_Required work_
Retype, word for word, each line between the lines holding "#86=IFCINDEXEDPOLYGONALFACE((31,32,36,35));" and "#90=IFCINDEXEDPOLYGONALFACE((39,40,42,41));", inclusive, and leave the rest of the data alone.

_Provided entries_
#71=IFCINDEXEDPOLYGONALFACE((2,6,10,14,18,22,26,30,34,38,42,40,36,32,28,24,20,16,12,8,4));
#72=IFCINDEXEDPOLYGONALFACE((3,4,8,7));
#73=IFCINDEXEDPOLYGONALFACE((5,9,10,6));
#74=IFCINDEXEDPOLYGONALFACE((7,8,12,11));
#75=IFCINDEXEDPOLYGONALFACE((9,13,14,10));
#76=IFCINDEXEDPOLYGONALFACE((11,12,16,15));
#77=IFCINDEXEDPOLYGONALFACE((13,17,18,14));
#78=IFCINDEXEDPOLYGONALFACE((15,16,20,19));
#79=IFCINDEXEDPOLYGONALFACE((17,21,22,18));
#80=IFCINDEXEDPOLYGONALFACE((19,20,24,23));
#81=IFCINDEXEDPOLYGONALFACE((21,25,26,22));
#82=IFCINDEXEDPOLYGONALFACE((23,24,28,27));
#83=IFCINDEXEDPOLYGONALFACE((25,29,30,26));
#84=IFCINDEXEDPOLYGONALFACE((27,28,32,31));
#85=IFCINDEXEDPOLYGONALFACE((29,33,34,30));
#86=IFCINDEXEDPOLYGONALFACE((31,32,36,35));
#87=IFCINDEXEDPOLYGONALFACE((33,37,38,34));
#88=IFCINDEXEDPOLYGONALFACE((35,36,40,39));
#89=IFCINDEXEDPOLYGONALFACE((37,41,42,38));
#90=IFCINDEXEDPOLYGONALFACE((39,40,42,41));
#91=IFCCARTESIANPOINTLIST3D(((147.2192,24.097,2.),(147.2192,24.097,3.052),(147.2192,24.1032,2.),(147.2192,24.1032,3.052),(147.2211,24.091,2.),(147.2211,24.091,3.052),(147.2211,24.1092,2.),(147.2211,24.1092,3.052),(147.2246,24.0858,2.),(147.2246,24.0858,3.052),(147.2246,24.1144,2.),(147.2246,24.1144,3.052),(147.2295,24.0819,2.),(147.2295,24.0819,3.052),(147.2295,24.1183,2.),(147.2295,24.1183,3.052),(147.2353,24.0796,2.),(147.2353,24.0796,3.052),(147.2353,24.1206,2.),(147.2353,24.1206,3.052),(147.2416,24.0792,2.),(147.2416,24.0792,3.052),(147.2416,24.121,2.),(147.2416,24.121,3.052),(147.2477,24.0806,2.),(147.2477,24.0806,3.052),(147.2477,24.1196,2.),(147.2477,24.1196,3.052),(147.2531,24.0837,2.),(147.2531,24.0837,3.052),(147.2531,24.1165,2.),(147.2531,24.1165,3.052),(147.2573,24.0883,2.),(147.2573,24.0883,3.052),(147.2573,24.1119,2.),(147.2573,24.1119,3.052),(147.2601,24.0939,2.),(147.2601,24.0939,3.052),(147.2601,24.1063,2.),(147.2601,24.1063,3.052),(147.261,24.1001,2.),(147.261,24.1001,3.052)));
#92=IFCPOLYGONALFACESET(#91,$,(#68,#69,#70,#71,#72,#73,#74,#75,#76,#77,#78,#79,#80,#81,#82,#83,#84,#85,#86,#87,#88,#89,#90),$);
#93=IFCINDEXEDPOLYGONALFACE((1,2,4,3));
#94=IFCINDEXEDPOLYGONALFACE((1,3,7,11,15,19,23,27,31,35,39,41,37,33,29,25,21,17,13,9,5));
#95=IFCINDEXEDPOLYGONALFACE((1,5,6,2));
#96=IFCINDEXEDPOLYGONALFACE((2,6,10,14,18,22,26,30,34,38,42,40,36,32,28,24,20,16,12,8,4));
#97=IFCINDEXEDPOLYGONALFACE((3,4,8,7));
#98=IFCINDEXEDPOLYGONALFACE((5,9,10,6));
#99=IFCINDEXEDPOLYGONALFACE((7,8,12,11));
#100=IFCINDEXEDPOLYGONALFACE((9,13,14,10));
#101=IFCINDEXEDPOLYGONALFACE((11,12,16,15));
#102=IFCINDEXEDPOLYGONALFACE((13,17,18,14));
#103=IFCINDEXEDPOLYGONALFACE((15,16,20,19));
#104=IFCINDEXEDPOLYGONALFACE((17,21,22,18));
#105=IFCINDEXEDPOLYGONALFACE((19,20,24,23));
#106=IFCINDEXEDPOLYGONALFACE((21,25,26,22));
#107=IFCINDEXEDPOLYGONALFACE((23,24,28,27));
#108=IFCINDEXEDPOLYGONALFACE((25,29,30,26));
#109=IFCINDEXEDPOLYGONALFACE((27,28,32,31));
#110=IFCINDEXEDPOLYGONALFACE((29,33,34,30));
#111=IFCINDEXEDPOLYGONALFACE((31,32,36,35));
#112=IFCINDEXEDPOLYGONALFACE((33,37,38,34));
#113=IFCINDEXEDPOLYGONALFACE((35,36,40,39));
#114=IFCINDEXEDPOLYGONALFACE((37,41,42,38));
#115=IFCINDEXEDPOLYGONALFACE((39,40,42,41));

_Finished exercise_
#86=IFCINDEXEDPOLYGONALFACE((31,32,36,35));
#87=IFCINDEXEDPOLYGONALFACE((33,37,38,34));
#88=IFCINDEXEDPOLYGONALFACE((35,36,40,39));
#89=IFCINDEXEDPOLYGONALFACE((37,41,42,38));
#90=IFCINDEXEDPOLYGONALFACE((39,40,42,41));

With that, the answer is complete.